Go through the listing and copy each line that has the string "contexts" in it.

####################

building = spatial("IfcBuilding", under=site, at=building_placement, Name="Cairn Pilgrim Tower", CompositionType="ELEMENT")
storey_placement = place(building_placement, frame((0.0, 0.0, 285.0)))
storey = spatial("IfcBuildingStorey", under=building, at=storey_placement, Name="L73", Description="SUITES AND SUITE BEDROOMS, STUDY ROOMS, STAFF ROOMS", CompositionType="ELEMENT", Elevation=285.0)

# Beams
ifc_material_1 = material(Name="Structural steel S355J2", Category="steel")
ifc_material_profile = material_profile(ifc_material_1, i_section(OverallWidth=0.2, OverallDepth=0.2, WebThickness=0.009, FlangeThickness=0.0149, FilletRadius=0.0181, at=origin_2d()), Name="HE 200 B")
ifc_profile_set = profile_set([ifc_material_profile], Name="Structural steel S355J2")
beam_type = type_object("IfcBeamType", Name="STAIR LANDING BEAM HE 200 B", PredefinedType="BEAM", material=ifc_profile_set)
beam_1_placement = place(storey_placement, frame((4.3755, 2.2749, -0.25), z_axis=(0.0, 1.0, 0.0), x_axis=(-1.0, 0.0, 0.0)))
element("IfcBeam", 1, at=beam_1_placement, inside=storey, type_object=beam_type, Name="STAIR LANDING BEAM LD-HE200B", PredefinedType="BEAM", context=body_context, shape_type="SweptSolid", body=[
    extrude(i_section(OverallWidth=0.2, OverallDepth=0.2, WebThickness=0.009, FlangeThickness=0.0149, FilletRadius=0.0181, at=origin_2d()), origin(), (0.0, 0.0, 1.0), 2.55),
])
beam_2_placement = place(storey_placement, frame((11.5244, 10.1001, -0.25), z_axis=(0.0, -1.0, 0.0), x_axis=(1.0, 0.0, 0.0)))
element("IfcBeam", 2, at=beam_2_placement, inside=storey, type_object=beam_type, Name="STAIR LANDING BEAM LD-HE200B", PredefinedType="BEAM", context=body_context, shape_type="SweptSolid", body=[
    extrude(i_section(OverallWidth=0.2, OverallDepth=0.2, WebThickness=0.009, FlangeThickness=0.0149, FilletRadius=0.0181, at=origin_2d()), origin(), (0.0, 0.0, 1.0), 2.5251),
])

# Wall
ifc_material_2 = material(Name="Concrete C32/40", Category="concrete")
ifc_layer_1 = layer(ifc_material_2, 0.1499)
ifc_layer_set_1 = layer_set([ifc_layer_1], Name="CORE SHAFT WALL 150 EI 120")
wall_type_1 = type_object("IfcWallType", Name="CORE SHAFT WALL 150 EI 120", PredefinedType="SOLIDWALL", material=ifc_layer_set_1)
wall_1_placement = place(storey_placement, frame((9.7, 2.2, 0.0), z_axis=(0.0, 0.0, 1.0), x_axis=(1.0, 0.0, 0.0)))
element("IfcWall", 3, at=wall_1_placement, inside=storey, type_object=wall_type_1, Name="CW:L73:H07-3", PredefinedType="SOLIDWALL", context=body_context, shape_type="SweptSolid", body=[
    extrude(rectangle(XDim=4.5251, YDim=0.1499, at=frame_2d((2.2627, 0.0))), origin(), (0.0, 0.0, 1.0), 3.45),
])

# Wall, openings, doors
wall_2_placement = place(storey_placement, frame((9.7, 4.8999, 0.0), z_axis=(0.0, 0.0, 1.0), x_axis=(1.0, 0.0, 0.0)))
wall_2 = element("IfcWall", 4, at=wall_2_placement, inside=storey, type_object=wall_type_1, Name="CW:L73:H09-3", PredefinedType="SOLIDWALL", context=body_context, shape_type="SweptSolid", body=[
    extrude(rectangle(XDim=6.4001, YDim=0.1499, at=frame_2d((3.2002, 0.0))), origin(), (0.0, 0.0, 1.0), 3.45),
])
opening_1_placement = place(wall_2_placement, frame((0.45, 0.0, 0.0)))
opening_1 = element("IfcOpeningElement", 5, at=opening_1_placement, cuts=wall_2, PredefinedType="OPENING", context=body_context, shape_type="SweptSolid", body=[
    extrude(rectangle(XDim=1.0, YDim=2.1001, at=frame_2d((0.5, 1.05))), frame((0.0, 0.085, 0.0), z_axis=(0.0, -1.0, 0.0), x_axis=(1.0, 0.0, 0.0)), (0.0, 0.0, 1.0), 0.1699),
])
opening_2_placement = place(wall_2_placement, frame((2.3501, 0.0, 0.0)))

####################

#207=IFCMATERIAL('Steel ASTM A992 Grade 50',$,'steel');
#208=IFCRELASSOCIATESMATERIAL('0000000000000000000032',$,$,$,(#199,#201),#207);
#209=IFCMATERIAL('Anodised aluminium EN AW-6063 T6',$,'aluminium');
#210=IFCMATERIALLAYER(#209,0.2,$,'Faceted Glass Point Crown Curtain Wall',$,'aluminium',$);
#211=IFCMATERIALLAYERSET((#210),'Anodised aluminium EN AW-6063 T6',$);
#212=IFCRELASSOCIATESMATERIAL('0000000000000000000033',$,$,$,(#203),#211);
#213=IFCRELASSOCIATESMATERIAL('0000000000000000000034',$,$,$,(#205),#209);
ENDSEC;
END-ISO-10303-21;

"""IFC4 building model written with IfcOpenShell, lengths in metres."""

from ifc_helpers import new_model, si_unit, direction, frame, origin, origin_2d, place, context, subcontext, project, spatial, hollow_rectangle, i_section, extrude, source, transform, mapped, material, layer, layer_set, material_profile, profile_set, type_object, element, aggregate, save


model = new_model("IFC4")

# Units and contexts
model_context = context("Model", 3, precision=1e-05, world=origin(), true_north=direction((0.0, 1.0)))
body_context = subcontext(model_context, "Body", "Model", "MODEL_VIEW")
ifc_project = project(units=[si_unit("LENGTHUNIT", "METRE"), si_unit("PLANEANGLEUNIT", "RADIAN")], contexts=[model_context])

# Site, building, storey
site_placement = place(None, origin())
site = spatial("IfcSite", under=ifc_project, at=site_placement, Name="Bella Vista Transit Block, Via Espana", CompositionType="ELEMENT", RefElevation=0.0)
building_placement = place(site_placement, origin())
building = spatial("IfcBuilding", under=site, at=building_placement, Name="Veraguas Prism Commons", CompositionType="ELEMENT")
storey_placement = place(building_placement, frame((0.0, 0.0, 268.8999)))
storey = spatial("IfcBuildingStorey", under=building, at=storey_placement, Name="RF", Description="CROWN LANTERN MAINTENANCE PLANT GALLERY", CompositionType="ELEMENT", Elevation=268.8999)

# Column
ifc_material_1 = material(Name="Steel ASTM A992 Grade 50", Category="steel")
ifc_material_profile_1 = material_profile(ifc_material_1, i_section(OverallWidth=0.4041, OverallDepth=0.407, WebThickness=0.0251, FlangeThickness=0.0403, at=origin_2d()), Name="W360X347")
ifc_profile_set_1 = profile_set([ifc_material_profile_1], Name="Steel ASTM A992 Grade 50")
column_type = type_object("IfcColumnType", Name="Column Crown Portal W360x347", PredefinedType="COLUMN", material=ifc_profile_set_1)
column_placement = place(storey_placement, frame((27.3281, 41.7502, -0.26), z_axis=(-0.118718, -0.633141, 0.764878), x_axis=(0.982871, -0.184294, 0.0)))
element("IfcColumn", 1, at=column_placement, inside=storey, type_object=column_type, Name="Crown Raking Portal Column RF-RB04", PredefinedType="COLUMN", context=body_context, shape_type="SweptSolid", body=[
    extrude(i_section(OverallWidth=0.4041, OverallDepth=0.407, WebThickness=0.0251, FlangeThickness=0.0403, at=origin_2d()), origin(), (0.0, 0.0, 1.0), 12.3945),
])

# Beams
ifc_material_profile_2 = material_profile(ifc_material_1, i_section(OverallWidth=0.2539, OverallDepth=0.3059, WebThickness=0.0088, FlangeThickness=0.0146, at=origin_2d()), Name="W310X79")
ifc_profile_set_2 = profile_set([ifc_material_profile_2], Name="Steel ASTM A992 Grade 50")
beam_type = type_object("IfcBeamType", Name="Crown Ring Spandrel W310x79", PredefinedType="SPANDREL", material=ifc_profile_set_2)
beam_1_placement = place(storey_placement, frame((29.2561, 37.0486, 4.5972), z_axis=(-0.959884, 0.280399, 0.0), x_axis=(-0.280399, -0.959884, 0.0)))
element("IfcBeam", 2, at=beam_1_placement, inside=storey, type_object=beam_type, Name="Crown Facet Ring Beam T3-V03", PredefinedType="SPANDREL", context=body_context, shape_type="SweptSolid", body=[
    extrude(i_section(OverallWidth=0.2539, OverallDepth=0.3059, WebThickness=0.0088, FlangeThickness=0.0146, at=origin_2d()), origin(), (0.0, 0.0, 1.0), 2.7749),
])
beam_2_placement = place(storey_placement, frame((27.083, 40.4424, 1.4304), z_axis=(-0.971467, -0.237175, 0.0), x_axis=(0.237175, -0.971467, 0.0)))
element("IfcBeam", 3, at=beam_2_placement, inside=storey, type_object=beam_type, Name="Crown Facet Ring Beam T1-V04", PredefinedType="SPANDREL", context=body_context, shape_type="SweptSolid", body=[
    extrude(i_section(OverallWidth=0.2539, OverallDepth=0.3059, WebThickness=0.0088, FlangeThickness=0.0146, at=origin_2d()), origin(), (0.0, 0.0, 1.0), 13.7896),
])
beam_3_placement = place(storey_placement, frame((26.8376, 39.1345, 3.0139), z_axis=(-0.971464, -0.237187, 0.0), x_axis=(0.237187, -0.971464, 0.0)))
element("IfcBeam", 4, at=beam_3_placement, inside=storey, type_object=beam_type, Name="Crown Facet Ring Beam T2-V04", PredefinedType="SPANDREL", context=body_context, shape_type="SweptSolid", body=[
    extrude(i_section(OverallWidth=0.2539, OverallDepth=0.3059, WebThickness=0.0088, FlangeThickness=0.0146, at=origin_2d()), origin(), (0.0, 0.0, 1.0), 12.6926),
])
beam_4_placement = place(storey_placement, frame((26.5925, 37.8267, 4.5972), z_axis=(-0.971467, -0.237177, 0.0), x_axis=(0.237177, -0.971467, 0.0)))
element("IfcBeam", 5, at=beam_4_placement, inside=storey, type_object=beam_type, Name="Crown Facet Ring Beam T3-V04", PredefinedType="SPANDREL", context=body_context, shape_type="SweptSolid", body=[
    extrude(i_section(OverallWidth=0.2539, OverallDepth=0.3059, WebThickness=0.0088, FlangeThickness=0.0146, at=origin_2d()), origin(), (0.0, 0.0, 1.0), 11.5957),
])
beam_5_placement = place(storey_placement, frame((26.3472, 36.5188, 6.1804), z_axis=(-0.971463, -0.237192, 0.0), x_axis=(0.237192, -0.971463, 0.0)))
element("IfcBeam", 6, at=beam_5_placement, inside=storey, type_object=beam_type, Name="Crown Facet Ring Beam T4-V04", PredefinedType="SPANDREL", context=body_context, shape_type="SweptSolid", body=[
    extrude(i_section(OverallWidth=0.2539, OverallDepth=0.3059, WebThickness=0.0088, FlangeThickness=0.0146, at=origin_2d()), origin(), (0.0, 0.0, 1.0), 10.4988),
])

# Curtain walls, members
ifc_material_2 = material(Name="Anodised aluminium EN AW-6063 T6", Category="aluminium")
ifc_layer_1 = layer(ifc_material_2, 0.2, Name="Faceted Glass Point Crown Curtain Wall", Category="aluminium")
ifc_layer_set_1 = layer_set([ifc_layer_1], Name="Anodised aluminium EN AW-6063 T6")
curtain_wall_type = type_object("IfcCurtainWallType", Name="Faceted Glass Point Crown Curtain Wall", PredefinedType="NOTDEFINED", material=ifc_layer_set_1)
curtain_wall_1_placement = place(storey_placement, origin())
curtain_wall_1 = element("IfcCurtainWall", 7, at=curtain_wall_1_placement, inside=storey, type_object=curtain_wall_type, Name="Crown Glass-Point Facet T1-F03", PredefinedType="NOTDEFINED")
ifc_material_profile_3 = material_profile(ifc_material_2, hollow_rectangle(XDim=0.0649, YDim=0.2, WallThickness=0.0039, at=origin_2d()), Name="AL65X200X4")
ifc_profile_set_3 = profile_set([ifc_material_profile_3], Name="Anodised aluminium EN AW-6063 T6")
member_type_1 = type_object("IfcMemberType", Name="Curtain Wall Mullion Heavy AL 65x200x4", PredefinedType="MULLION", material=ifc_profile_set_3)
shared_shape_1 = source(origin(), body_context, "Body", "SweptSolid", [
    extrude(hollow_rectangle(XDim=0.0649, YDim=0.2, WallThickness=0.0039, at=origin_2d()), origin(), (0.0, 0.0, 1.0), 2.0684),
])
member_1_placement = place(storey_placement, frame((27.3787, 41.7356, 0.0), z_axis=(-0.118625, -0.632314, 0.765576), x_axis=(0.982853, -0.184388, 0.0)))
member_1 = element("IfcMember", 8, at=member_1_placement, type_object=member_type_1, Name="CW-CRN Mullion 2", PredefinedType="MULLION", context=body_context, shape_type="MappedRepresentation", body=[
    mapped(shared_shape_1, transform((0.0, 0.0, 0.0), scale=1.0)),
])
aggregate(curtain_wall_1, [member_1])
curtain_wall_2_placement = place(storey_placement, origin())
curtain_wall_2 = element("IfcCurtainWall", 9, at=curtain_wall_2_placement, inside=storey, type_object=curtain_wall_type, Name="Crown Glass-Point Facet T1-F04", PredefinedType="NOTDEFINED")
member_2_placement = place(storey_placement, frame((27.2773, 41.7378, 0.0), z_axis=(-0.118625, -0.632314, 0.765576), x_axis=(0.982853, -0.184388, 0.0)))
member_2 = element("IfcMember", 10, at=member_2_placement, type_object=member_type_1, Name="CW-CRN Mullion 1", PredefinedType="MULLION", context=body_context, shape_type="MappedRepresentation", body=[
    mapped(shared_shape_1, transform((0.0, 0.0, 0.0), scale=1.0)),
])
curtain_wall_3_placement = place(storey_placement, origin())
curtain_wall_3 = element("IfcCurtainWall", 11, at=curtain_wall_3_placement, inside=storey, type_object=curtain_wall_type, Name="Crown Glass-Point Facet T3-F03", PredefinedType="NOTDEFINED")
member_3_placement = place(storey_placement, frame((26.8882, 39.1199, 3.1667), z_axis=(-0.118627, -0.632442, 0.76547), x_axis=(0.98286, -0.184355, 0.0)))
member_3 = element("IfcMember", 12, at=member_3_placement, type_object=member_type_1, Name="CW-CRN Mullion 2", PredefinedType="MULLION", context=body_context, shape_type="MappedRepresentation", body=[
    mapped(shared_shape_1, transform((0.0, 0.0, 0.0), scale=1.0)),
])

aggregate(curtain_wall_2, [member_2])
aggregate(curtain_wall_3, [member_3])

####################

> [Response to this exercise]
# Units and contexts
ifc_project = project(units=[si_unit("LENGTHUNIT", "METRE"), si_unit("PLANEANGLEUNIT", "RADIAN")], contexts=[model_context])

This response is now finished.